====== Information shown ======

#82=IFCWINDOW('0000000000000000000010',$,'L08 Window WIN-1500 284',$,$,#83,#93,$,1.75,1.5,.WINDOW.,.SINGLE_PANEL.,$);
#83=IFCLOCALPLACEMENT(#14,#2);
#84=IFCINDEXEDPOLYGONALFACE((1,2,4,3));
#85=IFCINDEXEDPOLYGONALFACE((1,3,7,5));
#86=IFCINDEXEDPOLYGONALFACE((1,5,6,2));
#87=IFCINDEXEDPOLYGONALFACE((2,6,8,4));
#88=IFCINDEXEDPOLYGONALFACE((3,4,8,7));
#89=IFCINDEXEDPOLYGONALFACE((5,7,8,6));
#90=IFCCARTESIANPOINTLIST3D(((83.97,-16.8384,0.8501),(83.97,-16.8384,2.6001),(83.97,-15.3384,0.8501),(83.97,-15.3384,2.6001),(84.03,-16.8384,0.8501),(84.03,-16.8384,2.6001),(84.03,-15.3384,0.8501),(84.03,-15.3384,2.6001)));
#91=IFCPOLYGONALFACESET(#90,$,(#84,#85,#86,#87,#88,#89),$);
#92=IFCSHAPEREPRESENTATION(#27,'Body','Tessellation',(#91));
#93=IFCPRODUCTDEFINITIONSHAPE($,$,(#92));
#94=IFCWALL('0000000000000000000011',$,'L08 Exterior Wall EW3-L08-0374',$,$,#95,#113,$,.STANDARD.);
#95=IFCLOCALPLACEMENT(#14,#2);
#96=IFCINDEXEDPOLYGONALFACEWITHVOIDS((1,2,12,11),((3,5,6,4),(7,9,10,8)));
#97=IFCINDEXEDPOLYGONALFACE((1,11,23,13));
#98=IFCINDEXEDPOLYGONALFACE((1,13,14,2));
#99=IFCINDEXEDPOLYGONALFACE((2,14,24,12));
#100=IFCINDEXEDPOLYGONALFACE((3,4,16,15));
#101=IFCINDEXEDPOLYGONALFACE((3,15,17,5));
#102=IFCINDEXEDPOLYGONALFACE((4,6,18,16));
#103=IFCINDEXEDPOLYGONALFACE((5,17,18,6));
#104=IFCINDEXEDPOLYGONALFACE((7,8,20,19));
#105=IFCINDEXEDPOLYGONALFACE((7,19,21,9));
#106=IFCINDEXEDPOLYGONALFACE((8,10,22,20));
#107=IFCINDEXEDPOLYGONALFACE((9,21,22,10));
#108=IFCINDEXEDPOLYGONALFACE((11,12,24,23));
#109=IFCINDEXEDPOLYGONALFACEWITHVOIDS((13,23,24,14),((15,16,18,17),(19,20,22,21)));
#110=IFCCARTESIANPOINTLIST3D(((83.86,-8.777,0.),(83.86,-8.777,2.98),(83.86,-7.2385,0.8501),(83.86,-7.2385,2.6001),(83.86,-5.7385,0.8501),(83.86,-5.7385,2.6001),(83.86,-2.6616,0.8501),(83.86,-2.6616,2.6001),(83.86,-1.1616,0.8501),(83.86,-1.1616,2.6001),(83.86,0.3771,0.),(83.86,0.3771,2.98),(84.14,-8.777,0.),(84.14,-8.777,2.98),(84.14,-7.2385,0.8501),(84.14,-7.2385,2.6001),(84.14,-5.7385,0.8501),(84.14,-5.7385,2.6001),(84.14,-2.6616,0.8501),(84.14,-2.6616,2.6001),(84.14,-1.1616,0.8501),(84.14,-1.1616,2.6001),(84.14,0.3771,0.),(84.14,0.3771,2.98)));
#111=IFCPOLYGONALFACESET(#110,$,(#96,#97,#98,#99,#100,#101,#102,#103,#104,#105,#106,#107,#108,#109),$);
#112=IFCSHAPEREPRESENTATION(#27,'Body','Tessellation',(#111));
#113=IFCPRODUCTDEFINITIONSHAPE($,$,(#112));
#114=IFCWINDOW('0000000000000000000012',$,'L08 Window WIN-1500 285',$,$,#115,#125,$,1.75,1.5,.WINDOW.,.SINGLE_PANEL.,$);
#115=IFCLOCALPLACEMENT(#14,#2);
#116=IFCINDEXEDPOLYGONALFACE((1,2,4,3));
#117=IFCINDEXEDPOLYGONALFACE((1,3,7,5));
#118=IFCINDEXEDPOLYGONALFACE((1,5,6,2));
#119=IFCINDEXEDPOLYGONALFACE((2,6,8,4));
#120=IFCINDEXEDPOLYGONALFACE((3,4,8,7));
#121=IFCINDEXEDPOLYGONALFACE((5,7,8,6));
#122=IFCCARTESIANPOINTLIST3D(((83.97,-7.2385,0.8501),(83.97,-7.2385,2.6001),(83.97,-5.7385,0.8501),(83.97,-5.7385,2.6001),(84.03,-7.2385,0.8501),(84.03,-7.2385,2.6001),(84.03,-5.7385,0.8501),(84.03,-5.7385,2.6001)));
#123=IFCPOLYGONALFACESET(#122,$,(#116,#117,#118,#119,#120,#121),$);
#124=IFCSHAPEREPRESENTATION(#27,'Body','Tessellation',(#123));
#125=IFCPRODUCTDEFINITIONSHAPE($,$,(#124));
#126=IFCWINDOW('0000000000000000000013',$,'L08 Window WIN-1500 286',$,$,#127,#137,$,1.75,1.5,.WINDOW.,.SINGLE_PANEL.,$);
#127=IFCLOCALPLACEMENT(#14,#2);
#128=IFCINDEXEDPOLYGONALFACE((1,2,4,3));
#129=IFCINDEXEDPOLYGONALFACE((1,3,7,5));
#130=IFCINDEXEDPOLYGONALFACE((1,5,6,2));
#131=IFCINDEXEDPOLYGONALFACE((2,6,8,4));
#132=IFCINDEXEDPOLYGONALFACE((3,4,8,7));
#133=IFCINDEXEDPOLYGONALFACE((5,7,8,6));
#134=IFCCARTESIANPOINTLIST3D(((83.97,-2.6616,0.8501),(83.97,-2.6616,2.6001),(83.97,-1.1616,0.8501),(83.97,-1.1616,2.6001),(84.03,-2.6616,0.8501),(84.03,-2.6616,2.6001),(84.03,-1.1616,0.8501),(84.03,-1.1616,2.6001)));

======

▸ **Try it**: Of the entries above, tally the lines with "IFCSHAPEREPRESENTATION" in them. Only the total should be given.

▸ **Completed task**: 3